▶ **Directions**: Take the records below from their first line to the line with "#176=IFCMATERIALLAYER(#175,0.5171,$,$,$,$,$);", and restate those lines word for word.

Collected data:
========================================================================

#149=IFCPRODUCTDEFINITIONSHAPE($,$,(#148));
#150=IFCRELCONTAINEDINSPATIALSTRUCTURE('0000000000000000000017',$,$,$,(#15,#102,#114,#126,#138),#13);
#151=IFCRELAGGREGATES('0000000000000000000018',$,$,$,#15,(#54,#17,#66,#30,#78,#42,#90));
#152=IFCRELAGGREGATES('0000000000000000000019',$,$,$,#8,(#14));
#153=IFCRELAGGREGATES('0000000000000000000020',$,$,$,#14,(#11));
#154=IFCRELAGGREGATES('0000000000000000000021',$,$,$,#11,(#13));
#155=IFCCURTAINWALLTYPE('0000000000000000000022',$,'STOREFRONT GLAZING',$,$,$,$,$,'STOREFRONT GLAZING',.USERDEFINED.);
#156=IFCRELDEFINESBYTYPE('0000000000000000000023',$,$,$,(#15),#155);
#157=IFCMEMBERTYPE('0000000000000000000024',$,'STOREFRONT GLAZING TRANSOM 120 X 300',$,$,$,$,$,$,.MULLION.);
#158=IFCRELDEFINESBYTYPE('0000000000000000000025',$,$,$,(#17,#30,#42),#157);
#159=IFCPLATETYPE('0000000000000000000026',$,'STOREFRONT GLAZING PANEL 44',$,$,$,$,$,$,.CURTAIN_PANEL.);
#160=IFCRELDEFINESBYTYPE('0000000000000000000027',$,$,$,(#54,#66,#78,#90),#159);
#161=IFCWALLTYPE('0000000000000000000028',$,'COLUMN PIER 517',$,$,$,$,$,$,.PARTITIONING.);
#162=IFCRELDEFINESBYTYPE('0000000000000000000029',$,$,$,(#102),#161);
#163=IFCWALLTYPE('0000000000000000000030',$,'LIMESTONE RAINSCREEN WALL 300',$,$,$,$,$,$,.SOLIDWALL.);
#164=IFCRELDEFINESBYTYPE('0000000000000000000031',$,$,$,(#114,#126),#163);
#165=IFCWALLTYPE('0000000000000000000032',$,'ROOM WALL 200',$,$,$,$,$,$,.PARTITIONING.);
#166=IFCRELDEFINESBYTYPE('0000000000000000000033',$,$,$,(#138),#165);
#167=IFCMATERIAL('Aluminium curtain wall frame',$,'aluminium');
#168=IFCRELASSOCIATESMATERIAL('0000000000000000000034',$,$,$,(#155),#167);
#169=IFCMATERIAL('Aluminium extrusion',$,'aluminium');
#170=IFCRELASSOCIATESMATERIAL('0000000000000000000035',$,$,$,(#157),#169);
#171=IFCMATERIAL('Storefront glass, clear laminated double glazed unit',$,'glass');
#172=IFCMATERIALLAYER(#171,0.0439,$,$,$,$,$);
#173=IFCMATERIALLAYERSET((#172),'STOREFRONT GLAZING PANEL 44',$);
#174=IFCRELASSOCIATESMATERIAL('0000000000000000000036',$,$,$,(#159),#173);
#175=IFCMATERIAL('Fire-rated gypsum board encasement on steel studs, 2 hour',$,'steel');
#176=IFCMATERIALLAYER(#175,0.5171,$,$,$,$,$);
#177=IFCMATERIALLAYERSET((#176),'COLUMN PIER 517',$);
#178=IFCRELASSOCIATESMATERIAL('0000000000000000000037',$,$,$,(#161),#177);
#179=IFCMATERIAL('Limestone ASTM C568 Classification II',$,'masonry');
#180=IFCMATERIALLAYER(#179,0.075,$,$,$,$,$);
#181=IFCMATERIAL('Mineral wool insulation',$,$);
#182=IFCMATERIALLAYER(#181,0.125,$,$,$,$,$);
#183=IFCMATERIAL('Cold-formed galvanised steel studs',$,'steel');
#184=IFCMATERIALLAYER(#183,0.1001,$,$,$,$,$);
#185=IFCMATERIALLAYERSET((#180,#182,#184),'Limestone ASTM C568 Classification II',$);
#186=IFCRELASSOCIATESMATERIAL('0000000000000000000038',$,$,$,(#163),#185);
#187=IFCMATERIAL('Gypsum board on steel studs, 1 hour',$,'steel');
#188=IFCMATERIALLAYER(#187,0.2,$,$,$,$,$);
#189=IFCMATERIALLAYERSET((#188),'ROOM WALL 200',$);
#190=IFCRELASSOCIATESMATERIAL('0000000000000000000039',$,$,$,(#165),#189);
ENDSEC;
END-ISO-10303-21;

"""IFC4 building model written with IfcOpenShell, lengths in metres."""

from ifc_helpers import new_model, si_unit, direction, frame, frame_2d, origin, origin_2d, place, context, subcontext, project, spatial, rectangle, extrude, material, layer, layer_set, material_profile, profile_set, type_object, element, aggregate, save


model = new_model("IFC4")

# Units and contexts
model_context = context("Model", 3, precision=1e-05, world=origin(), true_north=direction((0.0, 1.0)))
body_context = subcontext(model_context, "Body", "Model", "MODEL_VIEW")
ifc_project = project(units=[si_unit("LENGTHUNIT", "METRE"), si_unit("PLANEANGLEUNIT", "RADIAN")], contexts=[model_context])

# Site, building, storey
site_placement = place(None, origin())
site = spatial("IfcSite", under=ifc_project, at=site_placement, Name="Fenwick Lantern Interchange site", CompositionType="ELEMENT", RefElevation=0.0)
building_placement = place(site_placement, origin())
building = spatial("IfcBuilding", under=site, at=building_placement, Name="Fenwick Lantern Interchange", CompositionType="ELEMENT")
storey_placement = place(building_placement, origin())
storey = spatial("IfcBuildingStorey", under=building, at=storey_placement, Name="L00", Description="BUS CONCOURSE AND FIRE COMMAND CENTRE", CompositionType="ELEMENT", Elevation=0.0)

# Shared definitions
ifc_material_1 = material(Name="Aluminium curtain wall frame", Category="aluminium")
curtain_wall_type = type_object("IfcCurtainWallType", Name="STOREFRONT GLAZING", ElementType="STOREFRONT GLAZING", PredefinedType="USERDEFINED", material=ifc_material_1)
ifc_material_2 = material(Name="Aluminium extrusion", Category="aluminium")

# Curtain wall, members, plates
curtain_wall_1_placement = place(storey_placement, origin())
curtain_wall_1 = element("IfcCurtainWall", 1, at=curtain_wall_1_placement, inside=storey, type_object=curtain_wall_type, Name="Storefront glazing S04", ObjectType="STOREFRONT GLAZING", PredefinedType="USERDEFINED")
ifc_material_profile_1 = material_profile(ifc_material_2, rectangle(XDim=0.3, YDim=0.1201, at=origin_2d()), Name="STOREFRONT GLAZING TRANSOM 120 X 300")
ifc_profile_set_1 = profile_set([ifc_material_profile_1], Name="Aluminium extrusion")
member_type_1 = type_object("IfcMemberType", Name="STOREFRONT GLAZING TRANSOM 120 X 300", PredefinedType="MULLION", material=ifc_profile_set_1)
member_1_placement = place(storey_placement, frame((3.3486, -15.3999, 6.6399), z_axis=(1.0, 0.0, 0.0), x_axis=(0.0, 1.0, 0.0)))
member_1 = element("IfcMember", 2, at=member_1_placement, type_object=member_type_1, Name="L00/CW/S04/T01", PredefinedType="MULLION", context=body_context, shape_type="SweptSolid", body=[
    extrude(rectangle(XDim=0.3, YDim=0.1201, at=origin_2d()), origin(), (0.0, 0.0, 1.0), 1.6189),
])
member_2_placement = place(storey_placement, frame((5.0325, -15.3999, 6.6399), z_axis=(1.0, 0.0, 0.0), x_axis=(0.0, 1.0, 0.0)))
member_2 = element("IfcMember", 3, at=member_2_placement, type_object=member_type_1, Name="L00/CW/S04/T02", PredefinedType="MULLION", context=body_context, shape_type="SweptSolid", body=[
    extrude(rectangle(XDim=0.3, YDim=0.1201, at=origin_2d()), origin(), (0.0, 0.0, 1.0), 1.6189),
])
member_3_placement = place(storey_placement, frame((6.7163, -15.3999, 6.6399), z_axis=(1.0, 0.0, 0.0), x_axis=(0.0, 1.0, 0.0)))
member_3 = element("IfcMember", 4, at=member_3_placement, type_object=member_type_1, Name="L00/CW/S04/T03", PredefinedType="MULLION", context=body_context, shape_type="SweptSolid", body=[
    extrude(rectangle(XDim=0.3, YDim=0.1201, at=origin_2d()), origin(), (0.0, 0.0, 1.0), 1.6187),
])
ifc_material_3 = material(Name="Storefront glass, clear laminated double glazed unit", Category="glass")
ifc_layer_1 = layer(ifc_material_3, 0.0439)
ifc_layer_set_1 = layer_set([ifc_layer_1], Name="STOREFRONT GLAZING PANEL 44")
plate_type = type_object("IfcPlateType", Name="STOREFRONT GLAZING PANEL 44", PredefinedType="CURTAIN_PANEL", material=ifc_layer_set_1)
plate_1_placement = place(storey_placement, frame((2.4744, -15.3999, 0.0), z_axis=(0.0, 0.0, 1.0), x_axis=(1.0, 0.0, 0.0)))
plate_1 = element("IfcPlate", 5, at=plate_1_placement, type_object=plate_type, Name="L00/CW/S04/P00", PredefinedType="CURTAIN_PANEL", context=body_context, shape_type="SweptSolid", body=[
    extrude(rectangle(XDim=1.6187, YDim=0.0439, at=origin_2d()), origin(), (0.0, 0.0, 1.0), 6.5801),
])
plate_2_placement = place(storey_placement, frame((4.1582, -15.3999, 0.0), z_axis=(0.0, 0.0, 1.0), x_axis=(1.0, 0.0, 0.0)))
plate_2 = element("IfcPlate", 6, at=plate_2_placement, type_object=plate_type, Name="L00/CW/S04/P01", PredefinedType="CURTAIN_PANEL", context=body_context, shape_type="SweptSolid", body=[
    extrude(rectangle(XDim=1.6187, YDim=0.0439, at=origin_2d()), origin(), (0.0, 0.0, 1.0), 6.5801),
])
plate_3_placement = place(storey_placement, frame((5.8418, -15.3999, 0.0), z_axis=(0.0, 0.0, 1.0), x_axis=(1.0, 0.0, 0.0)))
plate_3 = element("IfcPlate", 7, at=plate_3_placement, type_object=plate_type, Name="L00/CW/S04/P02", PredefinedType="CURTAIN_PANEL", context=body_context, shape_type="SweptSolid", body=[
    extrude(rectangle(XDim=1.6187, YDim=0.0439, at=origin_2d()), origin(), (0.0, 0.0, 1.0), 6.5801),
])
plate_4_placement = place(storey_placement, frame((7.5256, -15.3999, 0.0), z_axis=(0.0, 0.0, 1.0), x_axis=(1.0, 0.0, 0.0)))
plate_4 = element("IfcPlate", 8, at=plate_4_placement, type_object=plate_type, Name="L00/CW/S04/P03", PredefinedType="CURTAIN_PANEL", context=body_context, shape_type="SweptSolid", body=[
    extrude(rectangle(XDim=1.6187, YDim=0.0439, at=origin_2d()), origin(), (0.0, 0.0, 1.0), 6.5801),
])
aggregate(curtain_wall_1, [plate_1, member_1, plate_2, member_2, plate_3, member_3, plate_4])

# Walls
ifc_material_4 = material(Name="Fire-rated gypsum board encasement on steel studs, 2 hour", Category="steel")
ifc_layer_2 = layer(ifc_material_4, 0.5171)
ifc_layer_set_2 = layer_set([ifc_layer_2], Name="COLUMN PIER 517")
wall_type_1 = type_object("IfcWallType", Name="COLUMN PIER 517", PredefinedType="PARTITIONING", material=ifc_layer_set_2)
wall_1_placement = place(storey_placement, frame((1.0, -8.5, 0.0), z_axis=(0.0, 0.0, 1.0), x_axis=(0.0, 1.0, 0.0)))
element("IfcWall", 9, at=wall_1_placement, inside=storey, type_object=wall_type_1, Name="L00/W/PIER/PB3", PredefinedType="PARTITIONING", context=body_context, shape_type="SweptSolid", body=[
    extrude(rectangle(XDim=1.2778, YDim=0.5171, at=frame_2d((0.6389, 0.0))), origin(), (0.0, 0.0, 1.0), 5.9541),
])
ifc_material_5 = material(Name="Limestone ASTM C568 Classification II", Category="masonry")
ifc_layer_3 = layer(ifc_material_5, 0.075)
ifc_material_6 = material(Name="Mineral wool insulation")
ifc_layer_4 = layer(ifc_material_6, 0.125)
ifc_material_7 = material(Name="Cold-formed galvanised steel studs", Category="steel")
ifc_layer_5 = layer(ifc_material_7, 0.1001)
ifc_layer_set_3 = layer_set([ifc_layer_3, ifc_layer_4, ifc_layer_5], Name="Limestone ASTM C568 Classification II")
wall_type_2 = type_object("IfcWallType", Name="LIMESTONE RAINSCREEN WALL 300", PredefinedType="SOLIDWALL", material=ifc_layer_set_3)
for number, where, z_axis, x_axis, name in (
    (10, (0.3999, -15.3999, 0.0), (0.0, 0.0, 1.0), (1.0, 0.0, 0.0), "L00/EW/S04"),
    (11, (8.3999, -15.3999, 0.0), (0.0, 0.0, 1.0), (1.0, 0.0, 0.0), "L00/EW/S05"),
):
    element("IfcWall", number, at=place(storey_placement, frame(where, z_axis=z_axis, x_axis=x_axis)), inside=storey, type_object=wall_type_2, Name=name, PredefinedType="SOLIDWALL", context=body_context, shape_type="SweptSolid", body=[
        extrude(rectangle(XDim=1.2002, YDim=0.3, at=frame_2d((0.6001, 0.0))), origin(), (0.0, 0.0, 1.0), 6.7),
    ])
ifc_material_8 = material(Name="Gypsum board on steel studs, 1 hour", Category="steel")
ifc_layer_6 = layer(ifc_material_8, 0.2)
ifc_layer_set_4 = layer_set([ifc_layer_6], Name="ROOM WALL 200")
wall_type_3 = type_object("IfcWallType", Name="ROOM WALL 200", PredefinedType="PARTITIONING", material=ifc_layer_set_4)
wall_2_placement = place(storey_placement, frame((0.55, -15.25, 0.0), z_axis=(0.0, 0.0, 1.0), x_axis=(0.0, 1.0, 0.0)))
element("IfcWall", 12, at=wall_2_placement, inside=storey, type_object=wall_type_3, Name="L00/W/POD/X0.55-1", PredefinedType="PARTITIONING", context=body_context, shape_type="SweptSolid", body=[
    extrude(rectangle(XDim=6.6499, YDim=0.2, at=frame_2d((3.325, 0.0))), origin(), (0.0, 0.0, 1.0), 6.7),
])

========================================================================

▶ **Solution**:
#149=IFCPRODUCTDEFINITIONSHAPE($,$,(#148));
#150=IFCRELCONTAINEDINSPATIALSTRUCTURE('0000000000000000000017',$,$,$,(#15,#102,#114,#126,#138),#13);
#151=IFCRELAGGREGATES('0000000000000000000018',$,$,$,#15,(#54,#17,#66,#30,#78,#42,#90));
#152=IFCRELAGGREGATES('0000000000000000000019',$,$,$,#8,(#14));
#153=IFCRELAGGREGATES('0000000000000000000020',$,$,$,#14,(#11));
#154=IFCRELAGGREGATES('0000000000000000000021',$,$,$,#11,(#13));
#155=IFCCURTAINWALLTYPE('0000000000000000000022',$,'STOREFRONT GLAZING',$,$,$,$,$,'STOREFRONT GLAZING',.USERDEFINED.);
#156=IFCRELDEFINESBYTYPE('0000000000000000000023',$,$,$,(#15),#155);
#157=IFCMEMBERTYPE('0000000000000000000024',$,'STOREFRONT GLAZING TRANSOM 120 X 300',$,$,$,$,$,$,.MULLION.);
#158=IFCRELDEFINESBYTYPE('0000000000000000000025',$,$,$,(#17,#30,#42),#157);
#159=IFCPLATETYPE('0000000000000000000026',$,'STOREFRONT GLAZING PANEL 44',$,$,$,$,$,$,.CURTAIN_PANEL.);
#160=IFCRELDEFINESBYTYPE('0000000000000000000027',$,$,$,(#54,#66,#78,#90),#159);
#161=IFCWALLTYPE('0000000000000000000028',$,'COLUMN PIER 517',$,$,$,$,$,$,.PARTITIONING.);
#162=IFCRELDEFINESBYTYPE('0000000000000000000029',$,$,$,(#102),#161);
#163=IFCWALLTYPE('0000000000000000000030',$,'LIMESTONE RAINSCREEN WALL 300',$,$,$,$,$,$,.SOLIDWALL.);
#164=IFCRELDEFINESBYTYPE('0000000000000000000031',$,$,$,(#114,#126),#163);
#165=IFCWALLTYPE('0000000000000000000032',$,'ROOM WALL 200',$,$,$,$,$,$,.PARTITIONING.);
#166=IFCRELDEFINESBYTYPE('0000000000000000000033',$,$,$,(#138),#165);
#167=IFCMATERIAL('Aluminium curtain wall frame',$,'aluminium');
#168=IFCRELASSOCIATESMATERIAL('0000000000000000000034',$,$,$,(#155),#167);
#169=IFCMATERIAL('Aluminium extrusion',$,'aluminium');
#170=IFCRELASSOCIATESMATERIAL('0000000000000000000035',$,$,$,(#157),#169);
#171=IFCMATERIAL('Storefront glass, clear laminated double glazed unit',$,'glass');
#172=IFCMATERIALLAYER(#171,0.0439,$,$,$,$,$);
#173=IFCMATERIALLAYERSET((#172),'STOREFRONT GLAZING PANEL 44',$);
#174=IFCRELASSOCIATESMATERIAL('0000000000000000000036',$,$,$,(#159),#173);
#175=IFCMATERIAL('Fire-rated gypsum board encasement on steel studs, 2 hour',$,'steel');
#176=IFCMATERIALLAYER(#175,0.5171,$,$,$,$,$);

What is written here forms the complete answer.